YOUR INSTRUCTIONS => Reproduce only the stretch of entries below that begins at the first line and ends at the line holding "#161=IFCINDEXEDPOLYGONALFACE((1,2,4,3));".

------ DATA FOR THIS EXERCISE

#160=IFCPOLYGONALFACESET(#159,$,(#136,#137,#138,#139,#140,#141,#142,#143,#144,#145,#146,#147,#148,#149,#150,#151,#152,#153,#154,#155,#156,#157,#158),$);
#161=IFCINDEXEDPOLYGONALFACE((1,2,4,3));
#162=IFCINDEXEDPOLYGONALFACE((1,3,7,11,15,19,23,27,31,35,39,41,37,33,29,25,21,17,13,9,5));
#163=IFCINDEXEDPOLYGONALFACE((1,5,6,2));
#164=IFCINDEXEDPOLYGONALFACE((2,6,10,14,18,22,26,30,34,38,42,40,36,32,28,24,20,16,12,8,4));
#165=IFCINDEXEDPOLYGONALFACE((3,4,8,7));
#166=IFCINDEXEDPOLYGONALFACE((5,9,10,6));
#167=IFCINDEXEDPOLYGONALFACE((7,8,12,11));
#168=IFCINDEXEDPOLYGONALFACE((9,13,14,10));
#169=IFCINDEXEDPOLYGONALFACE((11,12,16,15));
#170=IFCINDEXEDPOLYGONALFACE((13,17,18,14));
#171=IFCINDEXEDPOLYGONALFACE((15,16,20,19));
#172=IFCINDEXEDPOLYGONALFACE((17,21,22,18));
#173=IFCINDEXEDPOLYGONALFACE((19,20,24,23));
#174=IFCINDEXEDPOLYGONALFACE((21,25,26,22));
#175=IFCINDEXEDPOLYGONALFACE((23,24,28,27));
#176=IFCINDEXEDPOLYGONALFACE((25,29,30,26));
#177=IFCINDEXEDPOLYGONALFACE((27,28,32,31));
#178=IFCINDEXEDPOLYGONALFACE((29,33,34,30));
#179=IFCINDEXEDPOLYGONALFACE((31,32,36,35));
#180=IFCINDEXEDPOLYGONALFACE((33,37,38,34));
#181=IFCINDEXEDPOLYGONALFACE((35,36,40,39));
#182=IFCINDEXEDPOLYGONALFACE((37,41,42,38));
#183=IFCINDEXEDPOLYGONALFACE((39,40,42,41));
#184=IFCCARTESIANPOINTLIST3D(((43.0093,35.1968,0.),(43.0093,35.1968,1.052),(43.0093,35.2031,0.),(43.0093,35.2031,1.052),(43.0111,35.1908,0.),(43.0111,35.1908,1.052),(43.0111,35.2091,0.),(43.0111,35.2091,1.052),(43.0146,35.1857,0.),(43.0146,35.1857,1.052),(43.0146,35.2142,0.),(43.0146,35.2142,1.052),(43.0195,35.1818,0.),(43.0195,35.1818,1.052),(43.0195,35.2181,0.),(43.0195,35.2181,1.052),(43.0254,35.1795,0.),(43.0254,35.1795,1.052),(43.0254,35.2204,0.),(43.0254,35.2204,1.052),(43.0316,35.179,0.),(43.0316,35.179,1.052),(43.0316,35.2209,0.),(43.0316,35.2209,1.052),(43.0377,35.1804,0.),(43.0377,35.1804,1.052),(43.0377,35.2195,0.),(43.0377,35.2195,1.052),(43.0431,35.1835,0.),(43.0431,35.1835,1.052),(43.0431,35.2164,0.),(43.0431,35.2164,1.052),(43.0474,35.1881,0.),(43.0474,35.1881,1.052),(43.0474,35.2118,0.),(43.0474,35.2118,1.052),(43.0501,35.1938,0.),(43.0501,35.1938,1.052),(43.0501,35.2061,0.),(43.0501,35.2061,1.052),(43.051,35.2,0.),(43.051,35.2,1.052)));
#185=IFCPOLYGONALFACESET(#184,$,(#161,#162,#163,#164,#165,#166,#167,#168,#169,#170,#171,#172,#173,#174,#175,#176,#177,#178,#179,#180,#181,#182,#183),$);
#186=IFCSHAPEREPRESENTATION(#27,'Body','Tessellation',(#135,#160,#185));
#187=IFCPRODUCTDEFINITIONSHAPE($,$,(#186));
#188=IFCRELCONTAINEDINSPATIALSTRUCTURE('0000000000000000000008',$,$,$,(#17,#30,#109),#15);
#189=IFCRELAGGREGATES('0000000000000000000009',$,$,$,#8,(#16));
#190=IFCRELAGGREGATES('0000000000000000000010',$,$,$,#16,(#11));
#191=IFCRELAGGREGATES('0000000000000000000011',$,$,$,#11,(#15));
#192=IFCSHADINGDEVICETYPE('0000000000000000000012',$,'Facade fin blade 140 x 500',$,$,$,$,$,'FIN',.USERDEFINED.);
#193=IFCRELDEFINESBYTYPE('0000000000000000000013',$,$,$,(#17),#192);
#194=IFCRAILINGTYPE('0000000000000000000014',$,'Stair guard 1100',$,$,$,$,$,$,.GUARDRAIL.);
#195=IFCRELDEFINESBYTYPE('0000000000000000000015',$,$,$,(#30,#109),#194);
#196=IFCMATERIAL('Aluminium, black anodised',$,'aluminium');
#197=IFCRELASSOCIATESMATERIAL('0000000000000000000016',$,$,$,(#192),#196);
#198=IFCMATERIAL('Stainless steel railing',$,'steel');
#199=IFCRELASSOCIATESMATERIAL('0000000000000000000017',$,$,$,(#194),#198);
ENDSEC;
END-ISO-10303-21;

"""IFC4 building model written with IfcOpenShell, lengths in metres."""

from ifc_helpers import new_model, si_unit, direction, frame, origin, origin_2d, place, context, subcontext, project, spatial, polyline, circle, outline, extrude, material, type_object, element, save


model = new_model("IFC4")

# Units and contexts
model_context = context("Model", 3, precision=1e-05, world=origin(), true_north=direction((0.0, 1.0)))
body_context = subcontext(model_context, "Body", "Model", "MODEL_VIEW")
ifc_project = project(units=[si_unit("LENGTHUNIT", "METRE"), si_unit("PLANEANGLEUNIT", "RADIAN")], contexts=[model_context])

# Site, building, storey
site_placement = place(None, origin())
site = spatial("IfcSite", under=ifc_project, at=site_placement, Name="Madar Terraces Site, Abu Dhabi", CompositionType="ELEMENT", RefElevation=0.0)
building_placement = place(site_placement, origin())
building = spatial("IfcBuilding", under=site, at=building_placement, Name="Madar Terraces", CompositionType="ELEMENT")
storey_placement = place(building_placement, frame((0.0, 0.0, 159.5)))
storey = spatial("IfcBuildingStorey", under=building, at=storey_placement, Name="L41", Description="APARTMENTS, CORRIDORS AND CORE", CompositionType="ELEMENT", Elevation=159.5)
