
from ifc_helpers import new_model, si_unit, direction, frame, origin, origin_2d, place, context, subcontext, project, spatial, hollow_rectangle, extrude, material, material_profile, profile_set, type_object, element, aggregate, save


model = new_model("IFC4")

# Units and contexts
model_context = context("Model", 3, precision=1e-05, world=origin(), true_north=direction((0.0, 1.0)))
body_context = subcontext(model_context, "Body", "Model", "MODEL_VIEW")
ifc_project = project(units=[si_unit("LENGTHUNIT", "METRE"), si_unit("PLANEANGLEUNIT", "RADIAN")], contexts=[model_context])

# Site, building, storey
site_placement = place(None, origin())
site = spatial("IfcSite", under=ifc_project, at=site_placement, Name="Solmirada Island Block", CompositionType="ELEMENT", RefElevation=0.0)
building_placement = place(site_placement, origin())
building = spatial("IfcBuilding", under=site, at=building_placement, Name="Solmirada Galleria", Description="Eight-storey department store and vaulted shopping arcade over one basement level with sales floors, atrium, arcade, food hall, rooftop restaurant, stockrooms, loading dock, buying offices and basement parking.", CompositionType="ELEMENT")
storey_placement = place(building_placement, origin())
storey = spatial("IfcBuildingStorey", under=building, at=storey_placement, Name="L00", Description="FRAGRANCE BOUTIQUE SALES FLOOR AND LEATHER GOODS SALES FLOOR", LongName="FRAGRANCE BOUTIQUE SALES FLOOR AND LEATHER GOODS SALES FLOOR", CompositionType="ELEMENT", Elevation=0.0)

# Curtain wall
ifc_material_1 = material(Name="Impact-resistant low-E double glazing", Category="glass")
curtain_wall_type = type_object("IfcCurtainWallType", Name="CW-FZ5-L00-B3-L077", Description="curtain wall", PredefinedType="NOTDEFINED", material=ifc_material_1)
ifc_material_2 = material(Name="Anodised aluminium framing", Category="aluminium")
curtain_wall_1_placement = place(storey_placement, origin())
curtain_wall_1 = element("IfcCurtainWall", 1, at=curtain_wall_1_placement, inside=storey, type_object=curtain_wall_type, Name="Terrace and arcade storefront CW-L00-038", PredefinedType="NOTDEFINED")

------------

ANSWER BELOW =>
#160=IFCPOLYGONALFACESET(#159,$,(#136,#137,#138,#139,#140,#141,#142,#143,#144,#145,#146,#147,#148,#149,#150,#151,#152,#153,#154,#155,#156,#157,#158),$);
#161=IFCINDEXEDPOLYGONALFACE((1,2,4,3));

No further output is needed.